*** Block opens ***

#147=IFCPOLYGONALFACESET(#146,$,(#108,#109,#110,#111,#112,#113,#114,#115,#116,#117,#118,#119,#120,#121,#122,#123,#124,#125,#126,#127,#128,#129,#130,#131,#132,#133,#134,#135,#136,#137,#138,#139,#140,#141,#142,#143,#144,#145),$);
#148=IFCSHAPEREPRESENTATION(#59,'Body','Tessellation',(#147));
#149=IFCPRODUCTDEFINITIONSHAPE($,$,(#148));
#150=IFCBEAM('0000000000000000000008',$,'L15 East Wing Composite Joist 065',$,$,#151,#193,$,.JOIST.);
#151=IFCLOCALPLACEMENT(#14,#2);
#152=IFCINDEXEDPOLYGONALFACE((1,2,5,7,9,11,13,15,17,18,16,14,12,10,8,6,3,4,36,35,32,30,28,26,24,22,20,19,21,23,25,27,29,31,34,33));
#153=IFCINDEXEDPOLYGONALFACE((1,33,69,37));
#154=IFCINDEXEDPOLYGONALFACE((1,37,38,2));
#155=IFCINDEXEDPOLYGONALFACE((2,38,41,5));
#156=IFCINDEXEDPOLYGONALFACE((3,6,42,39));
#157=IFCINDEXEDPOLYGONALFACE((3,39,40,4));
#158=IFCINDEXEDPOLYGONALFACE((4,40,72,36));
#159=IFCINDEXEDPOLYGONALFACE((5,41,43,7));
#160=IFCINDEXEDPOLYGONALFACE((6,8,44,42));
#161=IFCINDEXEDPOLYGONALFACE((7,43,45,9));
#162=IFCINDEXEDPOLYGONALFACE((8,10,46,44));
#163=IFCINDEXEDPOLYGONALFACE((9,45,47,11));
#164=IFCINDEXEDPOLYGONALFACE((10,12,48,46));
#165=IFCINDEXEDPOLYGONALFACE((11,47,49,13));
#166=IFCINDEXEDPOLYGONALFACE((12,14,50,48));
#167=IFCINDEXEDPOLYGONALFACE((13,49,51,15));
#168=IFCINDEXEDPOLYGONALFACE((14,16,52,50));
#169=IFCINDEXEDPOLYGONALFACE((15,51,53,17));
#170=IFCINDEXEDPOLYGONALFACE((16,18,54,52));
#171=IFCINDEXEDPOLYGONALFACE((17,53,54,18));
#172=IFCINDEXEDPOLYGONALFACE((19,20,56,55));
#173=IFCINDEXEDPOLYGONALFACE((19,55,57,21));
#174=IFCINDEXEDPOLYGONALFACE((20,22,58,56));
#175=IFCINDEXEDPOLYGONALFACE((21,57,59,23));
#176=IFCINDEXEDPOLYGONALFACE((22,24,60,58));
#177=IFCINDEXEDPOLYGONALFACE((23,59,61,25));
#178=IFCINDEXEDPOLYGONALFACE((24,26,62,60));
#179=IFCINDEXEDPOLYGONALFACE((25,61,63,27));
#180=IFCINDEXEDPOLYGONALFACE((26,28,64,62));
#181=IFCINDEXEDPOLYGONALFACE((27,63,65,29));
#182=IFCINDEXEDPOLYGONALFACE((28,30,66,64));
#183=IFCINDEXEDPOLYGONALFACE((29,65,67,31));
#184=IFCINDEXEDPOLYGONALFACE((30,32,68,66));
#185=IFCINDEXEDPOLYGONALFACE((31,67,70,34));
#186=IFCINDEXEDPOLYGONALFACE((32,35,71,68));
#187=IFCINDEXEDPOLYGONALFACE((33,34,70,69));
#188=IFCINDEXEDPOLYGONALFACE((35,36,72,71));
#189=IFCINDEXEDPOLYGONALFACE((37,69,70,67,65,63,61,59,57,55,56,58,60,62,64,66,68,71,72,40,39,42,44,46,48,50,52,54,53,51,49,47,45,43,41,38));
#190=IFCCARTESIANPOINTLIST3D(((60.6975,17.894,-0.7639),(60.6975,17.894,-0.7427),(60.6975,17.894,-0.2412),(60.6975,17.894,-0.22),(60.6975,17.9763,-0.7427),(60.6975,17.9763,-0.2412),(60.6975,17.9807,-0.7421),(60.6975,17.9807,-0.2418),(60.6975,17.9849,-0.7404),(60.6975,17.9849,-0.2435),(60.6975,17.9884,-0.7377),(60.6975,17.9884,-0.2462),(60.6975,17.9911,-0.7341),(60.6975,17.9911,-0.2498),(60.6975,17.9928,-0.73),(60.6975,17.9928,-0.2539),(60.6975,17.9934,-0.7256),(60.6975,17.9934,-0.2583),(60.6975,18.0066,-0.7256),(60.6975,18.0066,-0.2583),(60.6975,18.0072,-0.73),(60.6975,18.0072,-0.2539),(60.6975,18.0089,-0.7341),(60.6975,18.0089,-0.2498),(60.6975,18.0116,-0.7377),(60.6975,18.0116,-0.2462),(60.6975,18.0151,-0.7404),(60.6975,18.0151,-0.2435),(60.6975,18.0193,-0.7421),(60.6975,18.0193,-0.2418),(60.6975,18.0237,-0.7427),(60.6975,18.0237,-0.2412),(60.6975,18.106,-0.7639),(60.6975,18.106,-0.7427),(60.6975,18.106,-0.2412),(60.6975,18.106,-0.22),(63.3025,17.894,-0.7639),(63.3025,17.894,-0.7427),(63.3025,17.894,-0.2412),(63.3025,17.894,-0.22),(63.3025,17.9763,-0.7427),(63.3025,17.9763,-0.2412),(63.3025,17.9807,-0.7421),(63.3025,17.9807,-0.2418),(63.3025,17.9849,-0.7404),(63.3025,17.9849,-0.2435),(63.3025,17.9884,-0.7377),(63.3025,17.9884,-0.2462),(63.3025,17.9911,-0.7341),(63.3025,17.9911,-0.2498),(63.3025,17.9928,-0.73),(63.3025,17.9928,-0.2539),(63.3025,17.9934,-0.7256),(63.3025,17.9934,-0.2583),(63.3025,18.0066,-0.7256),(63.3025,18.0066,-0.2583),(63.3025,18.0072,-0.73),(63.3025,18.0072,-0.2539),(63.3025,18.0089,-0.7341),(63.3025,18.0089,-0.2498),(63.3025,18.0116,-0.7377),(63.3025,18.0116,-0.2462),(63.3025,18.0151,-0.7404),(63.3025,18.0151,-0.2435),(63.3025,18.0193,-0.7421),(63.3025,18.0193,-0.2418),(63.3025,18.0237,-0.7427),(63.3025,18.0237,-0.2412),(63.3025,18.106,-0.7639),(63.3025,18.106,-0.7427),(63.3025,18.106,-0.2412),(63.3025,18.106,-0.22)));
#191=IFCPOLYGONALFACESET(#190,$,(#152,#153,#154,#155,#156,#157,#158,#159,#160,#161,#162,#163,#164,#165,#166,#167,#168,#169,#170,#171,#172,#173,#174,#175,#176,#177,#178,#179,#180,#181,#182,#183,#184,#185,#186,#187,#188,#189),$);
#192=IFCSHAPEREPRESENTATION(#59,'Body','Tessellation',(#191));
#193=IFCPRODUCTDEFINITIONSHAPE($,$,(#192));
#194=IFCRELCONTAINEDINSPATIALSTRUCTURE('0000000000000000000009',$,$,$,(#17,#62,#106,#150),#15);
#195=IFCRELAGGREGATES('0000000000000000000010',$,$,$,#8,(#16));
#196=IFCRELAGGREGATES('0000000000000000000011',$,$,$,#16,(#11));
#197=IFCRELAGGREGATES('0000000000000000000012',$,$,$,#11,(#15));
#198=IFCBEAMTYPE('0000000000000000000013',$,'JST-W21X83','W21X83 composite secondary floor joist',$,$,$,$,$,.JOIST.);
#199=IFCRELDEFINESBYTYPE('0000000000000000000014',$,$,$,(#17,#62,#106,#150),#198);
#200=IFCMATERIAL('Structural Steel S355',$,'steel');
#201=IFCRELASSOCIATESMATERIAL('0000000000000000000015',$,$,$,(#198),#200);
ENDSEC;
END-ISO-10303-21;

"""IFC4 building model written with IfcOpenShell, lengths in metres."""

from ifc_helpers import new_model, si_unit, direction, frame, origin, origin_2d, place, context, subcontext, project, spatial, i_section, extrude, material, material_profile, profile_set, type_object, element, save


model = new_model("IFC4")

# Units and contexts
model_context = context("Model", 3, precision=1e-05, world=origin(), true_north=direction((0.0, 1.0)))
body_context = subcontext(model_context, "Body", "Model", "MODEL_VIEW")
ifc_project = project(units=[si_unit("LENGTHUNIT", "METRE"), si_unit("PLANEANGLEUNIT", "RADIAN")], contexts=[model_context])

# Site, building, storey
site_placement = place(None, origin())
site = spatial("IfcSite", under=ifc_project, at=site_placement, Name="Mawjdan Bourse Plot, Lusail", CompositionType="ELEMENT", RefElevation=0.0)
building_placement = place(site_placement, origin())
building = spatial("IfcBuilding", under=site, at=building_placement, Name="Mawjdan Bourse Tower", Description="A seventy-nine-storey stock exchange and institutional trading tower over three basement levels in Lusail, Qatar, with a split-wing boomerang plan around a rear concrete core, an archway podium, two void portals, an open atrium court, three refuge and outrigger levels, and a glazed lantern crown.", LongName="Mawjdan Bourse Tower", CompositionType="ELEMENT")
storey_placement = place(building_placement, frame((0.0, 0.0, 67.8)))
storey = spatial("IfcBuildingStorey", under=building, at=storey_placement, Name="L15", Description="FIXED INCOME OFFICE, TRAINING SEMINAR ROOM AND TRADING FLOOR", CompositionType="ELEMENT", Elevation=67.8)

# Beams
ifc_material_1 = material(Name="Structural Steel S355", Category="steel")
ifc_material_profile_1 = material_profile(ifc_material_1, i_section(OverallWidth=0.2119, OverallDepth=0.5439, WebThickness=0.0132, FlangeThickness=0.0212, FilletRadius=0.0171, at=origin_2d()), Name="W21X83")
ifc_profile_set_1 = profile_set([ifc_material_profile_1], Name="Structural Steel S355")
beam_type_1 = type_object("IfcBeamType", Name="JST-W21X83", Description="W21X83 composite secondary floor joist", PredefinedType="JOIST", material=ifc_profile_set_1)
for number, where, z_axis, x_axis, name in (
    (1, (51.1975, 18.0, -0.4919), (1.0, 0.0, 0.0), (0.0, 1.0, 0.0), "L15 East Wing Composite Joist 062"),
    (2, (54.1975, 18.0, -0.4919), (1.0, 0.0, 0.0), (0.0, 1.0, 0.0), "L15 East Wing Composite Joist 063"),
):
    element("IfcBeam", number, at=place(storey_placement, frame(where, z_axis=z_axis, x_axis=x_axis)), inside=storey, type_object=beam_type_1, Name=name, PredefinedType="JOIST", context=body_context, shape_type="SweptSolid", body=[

*** Block closes ***
*** Block opens ***

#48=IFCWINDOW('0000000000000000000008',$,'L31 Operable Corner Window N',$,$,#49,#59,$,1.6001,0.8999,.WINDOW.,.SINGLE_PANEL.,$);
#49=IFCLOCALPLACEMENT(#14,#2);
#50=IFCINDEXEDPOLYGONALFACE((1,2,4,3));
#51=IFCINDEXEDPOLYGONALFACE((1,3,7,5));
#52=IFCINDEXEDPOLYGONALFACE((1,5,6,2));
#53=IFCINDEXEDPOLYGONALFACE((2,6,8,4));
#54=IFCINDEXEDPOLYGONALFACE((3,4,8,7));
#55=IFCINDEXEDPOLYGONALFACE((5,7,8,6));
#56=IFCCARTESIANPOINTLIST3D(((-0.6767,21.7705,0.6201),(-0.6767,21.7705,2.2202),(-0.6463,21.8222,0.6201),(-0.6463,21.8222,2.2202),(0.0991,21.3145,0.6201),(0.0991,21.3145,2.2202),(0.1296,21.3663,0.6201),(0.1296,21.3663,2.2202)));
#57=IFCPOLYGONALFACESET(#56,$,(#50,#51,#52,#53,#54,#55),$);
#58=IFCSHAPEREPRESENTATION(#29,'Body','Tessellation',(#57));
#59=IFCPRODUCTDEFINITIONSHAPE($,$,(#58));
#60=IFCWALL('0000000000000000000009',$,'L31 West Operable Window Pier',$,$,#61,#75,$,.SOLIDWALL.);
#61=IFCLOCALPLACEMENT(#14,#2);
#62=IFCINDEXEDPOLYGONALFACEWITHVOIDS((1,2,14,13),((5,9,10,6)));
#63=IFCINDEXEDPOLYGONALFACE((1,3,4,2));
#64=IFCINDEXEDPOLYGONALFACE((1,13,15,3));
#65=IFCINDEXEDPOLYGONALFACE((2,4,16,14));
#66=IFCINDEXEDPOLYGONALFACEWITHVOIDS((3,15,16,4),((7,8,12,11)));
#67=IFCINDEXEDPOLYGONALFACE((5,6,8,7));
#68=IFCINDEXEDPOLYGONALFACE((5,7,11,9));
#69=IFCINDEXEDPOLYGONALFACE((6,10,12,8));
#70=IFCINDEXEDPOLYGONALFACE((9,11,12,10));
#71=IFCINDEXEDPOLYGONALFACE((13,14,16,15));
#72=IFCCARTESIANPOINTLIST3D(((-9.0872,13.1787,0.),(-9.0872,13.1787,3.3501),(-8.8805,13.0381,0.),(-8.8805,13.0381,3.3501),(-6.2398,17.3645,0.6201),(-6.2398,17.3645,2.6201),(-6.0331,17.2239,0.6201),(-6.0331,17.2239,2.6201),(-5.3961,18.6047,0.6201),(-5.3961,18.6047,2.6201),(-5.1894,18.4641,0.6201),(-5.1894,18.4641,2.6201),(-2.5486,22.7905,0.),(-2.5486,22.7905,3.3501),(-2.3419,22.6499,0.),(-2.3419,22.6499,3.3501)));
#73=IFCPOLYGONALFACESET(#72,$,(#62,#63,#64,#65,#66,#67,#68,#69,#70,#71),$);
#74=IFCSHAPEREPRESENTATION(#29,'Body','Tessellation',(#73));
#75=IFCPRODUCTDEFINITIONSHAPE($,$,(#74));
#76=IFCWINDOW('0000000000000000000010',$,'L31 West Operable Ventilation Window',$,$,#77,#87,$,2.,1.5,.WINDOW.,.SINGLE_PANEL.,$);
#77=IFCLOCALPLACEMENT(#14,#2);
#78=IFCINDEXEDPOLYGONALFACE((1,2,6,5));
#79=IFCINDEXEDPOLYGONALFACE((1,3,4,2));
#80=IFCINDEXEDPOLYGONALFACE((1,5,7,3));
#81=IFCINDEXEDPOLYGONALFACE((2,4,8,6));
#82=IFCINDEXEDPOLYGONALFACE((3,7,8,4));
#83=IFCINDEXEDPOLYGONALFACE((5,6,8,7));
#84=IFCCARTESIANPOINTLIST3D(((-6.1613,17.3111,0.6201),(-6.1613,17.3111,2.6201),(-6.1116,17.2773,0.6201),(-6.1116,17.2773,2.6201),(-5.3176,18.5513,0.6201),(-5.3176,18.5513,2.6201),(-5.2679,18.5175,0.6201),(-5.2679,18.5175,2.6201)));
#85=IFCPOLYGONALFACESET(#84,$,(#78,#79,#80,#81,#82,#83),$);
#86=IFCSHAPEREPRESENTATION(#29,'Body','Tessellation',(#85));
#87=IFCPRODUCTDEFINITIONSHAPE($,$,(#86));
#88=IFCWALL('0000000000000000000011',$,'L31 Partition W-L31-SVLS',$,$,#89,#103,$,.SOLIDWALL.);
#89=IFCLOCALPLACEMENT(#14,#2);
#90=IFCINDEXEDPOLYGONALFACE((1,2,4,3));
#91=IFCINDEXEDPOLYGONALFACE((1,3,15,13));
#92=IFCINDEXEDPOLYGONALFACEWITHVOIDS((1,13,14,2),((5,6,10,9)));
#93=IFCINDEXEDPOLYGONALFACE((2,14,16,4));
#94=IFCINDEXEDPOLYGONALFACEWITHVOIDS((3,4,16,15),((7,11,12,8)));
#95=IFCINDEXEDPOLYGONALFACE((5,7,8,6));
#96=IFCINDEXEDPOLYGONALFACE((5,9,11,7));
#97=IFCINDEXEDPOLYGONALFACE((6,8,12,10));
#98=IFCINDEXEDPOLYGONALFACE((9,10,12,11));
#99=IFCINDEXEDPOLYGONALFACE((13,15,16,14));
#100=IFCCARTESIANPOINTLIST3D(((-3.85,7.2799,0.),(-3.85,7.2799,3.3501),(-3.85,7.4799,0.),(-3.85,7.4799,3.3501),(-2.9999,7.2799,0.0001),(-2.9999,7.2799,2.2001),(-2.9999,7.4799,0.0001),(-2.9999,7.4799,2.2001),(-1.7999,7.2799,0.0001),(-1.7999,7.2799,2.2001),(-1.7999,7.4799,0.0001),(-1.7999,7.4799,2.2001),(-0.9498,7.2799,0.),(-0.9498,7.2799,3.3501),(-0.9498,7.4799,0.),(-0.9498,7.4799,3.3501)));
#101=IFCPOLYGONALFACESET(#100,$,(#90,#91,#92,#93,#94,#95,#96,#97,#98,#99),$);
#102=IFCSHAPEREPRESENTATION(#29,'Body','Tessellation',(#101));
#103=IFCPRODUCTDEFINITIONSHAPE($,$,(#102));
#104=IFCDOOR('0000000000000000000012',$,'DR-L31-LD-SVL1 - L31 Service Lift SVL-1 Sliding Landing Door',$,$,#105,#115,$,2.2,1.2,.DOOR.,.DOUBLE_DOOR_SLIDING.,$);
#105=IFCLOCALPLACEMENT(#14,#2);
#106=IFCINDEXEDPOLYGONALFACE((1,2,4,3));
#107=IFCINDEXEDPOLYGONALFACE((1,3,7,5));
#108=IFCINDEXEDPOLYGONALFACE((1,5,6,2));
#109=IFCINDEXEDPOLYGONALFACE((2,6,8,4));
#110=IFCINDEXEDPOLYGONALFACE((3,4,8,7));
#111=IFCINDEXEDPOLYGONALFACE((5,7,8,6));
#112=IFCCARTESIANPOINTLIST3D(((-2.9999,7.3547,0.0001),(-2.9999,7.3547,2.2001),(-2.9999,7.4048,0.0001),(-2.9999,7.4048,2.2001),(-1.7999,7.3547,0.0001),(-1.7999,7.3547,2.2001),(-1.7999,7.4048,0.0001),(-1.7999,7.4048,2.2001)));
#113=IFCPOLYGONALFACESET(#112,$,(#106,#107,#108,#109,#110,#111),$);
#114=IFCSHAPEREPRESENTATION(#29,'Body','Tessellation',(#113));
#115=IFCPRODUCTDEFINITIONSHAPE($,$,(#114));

*** Block closes ***
*** Block opens ***

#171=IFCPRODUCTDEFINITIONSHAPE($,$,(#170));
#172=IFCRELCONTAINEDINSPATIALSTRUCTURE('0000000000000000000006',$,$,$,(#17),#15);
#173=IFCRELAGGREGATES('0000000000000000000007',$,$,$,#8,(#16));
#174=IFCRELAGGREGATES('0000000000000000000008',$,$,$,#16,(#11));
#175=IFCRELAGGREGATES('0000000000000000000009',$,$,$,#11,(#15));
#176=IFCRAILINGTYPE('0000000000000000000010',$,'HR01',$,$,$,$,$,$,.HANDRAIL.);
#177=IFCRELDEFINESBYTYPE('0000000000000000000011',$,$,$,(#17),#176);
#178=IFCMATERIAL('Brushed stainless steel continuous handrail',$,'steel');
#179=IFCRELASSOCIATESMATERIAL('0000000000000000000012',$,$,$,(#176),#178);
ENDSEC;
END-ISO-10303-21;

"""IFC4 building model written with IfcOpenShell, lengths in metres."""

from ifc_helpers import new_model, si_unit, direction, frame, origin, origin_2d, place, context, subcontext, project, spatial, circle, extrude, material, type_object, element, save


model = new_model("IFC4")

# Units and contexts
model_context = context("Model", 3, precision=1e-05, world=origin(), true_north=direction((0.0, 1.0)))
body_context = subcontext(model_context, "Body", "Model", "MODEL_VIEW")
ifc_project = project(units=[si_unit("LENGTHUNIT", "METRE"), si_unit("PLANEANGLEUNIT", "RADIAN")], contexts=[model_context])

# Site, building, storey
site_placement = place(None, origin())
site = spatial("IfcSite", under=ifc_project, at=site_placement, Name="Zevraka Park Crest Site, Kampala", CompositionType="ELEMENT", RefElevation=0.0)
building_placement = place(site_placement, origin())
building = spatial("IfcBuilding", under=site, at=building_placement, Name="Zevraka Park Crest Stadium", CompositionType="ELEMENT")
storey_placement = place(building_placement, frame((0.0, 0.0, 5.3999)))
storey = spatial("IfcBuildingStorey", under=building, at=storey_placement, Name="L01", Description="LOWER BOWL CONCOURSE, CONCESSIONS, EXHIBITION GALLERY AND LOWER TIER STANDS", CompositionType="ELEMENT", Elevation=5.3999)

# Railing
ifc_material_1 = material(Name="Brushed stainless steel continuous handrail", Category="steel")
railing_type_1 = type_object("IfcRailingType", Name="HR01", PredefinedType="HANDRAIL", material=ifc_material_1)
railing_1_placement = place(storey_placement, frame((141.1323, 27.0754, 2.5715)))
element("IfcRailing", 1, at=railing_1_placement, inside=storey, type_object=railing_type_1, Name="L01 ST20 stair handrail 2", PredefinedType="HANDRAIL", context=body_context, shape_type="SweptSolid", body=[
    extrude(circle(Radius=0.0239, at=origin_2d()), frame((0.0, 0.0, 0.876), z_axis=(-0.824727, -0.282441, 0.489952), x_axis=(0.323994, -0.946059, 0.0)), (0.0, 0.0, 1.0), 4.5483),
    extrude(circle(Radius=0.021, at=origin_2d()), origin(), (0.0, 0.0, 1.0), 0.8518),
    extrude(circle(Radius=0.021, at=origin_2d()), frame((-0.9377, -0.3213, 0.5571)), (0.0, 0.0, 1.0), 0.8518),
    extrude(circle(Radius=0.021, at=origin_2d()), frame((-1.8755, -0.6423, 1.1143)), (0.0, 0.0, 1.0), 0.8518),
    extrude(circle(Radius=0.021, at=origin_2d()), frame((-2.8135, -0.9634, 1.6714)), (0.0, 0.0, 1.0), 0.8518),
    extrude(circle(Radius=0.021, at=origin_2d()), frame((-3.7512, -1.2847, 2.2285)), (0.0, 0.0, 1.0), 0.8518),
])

*** Block closes ***

### Exercise instructions
Of all the entries above, repeat only the lines from the line that has "#174=IFCINDEXEDPOLYGONALFACE((20,22,58,56));" to the line that has "#180=IFCINDEXEDPOLYGONALFACE((26,28,64,62));", both lines included, exactly.

### Answer to this exercise
#174=IFCINDEXEDPOLYGONALFACE((20,22,58,56));
#175=IFCINDEXEDPOLYGONALFACE((21,57,59,23));
#176=IFCINDEXEDPOLYGONALFACE((22,24,60,58));
#177=IFCINDEXEDPOLYGONALFACE((23,59,61,25));
#178=IFCINDEXEDPOLYGONALFACE((24,26,62,60));
#179=IFCINDEXEDPOLYGONALFACE((25,61,63,27));
#180=IFCINDEXEDPOLYGONALFACE((26,28,64,62));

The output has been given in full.